(Saved data entries)
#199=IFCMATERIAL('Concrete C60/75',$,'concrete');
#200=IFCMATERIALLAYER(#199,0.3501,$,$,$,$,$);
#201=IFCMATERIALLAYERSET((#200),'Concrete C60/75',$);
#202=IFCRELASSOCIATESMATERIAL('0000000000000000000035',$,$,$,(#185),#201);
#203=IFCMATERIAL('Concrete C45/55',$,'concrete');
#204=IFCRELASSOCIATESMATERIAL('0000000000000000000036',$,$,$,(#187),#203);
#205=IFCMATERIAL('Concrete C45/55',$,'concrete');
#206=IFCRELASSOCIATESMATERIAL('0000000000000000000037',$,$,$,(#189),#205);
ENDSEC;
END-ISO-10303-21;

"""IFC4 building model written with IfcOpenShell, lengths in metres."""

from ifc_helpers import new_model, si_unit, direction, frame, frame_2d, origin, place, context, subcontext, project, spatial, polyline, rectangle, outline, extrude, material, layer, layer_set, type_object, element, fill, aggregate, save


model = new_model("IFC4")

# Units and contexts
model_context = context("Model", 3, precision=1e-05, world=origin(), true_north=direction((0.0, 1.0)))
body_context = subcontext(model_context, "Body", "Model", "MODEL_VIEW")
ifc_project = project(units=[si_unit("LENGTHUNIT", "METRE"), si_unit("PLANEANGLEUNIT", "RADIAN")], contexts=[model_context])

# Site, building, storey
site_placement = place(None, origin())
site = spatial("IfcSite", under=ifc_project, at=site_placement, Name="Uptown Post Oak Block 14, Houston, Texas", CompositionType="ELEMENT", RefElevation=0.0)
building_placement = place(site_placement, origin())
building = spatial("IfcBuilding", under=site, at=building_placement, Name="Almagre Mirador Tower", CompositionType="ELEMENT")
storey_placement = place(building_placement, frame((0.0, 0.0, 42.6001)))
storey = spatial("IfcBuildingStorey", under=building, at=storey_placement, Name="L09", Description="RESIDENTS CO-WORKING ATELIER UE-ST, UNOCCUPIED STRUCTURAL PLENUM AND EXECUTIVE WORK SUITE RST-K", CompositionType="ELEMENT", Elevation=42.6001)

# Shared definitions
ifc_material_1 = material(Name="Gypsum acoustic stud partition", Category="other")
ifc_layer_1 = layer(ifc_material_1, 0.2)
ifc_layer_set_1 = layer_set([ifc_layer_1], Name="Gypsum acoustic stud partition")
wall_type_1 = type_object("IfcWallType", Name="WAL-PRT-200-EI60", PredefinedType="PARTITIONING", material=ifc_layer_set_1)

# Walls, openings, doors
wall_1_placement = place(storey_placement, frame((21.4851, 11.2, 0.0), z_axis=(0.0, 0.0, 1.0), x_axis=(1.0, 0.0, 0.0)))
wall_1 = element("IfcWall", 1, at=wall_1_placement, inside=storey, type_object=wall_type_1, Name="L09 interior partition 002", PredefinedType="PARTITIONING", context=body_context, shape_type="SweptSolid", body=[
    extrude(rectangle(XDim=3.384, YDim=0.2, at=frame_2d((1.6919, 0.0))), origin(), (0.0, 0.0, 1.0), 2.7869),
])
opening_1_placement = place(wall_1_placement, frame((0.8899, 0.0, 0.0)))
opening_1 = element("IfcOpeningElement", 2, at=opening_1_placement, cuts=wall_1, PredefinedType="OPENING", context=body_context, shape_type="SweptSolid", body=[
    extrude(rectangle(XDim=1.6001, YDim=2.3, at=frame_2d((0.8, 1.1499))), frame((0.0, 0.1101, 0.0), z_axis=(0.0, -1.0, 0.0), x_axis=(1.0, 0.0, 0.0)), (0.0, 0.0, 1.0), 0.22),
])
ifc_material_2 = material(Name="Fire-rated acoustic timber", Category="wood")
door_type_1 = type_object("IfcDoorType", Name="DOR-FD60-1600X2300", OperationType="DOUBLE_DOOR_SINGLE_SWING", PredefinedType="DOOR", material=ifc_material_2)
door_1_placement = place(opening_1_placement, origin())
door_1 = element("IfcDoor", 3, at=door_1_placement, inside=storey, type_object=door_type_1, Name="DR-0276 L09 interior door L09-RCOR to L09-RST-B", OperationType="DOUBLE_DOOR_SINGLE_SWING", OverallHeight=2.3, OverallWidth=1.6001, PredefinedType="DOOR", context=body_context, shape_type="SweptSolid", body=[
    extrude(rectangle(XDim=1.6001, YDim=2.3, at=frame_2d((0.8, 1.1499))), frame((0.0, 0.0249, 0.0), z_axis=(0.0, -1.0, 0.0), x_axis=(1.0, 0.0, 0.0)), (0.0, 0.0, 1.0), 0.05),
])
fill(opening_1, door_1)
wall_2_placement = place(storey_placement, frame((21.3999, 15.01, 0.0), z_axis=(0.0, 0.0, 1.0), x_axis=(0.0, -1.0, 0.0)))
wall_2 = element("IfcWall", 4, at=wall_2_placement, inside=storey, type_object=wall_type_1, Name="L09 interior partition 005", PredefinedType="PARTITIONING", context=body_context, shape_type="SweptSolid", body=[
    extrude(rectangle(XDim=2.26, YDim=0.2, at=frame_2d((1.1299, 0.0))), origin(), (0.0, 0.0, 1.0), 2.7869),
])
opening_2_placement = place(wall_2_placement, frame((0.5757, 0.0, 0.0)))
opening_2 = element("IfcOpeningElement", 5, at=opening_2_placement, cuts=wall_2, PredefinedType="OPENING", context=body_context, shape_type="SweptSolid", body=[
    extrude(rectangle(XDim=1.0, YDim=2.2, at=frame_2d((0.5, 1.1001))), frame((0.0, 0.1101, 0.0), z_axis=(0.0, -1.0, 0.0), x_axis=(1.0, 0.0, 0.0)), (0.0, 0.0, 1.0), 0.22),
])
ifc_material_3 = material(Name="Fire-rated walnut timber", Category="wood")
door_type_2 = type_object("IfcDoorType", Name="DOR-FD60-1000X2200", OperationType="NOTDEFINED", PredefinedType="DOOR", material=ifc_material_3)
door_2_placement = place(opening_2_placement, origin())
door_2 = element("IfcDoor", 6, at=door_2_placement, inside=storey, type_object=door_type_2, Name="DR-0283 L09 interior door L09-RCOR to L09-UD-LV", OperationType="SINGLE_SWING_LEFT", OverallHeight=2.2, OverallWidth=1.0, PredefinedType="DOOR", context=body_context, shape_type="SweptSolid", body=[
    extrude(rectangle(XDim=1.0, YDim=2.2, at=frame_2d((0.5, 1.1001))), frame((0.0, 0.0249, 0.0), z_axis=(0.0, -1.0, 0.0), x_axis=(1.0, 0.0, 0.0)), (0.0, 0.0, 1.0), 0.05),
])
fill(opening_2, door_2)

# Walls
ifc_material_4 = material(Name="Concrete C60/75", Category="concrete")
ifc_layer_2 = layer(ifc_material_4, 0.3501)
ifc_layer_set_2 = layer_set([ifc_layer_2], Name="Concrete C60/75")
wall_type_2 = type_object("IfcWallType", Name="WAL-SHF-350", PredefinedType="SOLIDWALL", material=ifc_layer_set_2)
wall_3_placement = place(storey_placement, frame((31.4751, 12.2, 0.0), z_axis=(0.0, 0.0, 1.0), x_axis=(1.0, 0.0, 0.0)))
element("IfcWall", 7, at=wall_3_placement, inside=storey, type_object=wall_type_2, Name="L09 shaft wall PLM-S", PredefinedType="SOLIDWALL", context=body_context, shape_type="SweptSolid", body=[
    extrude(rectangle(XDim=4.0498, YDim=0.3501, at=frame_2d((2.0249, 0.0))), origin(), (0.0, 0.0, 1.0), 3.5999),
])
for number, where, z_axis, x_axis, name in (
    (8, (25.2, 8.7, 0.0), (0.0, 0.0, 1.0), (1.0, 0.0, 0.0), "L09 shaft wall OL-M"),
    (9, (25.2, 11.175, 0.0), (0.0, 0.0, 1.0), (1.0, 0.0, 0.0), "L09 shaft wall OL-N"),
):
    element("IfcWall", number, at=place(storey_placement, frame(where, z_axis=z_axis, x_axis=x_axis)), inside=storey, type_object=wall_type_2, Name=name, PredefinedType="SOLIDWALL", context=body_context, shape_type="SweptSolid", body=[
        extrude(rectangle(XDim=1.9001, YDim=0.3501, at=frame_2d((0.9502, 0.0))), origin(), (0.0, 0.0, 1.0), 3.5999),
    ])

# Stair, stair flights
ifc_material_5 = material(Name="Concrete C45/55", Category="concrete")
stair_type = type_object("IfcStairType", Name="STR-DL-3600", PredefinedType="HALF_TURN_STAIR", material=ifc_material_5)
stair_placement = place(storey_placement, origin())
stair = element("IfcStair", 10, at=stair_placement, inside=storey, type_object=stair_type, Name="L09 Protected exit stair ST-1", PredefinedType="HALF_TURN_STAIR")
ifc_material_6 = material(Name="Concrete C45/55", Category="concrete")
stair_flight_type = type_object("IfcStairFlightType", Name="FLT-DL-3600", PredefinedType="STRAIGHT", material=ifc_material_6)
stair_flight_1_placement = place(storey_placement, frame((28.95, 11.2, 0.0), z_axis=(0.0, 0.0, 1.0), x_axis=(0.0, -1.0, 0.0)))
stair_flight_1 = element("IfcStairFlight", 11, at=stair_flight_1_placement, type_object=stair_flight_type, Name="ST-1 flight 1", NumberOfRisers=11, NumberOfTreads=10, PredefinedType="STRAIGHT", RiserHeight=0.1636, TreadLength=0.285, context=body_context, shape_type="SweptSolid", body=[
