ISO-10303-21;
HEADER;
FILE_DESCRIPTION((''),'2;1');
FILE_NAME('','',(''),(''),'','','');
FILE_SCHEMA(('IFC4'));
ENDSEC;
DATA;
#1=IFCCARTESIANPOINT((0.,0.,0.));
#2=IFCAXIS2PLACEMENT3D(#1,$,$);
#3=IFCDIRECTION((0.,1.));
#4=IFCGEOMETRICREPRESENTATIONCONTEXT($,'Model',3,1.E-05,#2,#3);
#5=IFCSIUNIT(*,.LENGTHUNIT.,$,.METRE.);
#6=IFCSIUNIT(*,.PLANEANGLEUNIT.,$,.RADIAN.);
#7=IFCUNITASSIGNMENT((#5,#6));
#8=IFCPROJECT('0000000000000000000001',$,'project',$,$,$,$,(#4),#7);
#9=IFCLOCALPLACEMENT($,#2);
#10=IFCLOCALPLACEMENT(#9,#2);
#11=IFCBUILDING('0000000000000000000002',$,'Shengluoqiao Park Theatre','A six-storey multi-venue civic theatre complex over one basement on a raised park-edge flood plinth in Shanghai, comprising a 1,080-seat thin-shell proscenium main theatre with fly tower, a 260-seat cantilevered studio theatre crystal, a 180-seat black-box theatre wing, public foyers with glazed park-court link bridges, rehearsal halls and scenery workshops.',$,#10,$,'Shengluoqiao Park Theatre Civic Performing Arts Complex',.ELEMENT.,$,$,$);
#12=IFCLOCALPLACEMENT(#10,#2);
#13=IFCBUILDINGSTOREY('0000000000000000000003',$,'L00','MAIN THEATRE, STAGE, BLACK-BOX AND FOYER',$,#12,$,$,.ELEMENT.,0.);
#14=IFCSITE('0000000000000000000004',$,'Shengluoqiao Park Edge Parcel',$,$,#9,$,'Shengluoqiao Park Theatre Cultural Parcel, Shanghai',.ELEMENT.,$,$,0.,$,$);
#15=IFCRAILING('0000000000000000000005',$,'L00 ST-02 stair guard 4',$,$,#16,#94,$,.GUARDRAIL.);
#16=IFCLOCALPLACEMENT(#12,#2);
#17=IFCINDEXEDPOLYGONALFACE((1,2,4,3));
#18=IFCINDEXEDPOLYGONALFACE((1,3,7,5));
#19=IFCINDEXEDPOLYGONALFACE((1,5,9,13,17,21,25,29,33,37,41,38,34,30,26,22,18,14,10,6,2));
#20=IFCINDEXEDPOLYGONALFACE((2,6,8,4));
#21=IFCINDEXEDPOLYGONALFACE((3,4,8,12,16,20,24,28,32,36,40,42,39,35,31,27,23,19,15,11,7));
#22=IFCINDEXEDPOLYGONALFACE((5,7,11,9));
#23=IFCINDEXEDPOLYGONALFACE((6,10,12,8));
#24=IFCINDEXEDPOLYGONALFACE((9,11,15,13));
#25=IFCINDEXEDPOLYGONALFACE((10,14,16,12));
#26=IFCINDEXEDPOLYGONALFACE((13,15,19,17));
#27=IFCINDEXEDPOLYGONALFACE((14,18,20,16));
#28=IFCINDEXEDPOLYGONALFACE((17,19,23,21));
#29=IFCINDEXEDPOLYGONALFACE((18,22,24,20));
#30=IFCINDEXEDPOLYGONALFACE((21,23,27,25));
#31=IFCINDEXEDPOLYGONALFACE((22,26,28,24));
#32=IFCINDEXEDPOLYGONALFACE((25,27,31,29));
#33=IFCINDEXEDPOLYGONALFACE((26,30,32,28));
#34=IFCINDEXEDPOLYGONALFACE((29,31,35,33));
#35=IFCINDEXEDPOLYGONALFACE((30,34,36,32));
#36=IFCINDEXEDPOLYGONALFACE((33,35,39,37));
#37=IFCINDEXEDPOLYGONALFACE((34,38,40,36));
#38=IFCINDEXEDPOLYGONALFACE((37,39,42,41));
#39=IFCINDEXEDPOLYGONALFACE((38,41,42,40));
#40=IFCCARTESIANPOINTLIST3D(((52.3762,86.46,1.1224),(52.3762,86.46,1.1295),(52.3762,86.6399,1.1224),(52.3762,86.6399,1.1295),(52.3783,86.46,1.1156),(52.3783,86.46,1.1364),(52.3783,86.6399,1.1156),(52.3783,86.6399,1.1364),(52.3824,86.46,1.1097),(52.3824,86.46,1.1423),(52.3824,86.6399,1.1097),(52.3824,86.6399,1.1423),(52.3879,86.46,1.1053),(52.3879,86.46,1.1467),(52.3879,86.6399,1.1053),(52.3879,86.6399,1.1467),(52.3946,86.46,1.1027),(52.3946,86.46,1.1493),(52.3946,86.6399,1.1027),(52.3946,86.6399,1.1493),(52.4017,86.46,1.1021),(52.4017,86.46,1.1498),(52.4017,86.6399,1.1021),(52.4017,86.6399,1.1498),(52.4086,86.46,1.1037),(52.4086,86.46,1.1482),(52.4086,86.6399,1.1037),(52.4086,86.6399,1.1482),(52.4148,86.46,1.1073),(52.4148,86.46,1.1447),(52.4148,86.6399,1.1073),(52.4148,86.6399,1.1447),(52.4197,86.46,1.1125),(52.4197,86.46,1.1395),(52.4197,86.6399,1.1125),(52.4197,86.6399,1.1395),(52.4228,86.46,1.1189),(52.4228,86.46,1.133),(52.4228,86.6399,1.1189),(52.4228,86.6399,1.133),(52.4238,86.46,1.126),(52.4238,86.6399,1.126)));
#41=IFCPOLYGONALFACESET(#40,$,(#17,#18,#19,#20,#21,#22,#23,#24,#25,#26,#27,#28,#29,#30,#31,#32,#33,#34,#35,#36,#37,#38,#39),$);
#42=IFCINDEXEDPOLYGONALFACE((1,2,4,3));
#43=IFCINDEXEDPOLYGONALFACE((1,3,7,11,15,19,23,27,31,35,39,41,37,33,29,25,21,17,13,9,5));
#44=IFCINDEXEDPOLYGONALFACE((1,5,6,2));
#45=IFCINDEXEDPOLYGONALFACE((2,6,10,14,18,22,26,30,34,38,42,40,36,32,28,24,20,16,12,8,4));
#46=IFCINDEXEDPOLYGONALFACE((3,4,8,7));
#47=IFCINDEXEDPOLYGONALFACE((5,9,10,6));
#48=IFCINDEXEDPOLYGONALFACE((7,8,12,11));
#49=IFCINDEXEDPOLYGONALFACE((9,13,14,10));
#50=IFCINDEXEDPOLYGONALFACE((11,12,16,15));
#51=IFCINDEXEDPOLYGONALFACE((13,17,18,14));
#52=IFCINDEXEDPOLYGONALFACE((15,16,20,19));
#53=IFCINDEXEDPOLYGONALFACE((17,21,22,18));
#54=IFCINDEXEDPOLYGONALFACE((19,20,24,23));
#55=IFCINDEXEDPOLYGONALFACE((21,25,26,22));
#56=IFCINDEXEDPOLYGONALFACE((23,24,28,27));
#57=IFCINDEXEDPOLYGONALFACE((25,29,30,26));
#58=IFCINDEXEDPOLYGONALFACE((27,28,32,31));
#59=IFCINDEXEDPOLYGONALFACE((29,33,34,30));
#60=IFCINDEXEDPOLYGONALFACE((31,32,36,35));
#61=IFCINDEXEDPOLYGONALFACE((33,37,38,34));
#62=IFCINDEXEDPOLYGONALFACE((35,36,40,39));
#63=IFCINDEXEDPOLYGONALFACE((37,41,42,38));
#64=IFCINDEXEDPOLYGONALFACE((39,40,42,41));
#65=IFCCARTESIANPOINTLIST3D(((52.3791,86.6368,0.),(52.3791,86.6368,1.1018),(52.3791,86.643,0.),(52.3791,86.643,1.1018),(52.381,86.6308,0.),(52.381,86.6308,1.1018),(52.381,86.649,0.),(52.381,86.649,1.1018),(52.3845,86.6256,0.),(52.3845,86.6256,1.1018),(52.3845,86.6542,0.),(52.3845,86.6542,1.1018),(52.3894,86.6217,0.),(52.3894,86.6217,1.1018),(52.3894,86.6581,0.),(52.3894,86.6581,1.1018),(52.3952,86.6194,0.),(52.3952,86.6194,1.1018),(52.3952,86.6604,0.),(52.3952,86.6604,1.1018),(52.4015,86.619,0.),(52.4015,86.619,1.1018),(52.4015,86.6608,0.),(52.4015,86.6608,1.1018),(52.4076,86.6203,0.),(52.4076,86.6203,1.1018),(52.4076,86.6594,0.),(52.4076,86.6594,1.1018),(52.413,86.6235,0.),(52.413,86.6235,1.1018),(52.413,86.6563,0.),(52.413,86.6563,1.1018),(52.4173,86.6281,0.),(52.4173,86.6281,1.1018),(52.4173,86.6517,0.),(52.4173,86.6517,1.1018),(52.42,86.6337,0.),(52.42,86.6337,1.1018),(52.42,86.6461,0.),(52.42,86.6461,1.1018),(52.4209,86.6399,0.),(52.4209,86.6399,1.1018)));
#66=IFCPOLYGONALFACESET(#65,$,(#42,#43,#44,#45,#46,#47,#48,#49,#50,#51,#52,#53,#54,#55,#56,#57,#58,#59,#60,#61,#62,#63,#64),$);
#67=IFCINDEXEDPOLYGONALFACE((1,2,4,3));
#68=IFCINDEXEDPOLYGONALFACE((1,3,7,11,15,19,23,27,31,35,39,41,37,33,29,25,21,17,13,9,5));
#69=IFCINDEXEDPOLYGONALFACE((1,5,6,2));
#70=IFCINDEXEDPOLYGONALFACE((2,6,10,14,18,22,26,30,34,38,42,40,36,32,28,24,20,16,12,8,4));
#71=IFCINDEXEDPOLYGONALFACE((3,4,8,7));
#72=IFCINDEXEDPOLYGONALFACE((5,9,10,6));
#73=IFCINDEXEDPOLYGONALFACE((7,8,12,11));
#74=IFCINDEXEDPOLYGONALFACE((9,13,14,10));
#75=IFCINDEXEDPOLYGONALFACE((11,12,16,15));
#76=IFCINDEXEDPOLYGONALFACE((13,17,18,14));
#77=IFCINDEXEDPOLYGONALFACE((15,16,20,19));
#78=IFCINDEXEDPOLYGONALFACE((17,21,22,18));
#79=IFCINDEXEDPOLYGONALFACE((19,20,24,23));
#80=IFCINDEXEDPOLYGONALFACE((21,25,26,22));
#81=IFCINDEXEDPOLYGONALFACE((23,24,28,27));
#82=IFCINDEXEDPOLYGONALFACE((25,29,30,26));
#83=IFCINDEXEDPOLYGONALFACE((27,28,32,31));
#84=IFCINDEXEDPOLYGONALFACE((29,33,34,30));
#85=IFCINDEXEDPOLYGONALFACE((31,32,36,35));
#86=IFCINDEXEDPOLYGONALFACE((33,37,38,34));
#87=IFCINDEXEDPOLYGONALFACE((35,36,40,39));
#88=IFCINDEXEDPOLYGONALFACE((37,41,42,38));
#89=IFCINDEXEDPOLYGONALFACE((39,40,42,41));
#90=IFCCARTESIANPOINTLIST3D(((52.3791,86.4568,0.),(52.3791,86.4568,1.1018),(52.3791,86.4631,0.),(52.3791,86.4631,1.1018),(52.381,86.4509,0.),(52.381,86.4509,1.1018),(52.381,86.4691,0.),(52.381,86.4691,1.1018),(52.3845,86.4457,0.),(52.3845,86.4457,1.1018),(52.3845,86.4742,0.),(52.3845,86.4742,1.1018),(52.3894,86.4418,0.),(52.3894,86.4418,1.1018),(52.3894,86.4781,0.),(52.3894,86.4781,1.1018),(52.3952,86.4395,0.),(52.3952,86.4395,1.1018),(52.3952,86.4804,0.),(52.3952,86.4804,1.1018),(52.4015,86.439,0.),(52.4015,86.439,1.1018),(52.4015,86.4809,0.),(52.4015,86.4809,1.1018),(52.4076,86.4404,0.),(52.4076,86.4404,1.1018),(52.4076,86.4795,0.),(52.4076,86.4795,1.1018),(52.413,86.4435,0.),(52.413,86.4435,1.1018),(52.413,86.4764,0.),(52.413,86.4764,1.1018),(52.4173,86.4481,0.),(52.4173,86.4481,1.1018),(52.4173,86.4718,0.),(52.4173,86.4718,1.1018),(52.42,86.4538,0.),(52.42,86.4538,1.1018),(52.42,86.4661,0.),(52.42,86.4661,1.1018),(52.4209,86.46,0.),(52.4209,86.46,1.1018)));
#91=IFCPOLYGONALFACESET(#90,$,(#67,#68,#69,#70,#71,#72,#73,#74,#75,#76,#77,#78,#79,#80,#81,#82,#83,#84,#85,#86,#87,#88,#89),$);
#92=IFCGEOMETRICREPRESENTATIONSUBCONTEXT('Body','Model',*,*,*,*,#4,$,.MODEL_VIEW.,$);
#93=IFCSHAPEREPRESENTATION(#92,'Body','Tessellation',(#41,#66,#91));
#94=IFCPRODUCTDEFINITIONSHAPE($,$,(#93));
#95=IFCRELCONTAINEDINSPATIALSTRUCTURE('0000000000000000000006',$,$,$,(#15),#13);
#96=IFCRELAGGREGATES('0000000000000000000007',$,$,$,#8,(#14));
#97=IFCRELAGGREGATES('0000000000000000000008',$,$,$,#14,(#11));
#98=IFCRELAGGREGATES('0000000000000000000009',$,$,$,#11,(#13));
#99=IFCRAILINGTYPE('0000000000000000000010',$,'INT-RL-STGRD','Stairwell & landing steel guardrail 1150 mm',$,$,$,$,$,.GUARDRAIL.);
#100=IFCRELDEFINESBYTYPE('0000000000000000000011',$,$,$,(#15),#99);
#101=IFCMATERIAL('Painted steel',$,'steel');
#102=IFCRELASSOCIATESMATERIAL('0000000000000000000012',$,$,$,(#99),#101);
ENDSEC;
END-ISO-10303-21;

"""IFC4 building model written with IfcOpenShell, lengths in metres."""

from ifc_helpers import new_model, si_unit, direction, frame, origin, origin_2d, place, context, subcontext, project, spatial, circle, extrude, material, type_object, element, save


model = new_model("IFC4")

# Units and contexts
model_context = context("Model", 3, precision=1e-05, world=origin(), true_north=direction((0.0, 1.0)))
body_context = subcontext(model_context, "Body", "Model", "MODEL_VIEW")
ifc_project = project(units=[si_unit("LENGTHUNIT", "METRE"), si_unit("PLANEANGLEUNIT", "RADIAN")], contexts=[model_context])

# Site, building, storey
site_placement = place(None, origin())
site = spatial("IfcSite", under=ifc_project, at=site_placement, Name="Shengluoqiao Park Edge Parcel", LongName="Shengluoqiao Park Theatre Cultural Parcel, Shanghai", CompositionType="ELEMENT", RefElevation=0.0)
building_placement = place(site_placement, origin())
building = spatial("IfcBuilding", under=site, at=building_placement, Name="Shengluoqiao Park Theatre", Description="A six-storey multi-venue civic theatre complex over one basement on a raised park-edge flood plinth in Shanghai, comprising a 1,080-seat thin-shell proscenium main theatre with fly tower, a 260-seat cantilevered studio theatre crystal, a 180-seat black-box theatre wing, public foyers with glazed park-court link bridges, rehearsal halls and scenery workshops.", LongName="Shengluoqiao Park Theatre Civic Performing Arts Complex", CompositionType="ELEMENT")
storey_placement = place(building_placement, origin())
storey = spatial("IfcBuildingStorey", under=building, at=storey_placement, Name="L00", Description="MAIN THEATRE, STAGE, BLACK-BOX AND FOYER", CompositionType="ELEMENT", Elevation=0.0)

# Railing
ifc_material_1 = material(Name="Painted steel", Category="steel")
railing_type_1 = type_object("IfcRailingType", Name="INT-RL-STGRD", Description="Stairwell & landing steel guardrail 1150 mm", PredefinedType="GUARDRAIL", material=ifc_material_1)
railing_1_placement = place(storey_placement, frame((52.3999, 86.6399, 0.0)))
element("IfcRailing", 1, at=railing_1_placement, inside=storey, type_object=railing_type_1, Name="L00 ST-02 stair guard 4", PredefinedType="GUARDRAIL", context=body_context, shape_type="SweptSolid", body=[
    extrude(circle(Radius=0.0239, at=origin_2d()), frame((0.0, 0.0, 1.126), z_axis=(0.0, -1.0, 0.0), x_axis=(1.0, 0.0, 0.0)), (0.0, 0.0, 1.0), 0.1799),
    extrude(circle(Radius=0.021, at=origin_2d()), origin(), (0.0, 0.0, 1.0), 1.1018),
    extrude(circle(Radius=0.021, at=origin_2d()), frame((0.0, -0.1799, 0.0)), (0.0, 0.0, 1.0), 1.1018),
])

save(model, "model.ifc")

- _EXERCISE_
Give only the number of lines above that hold the string "STRAIGHT".

- _RESULT OF THE TASK_
2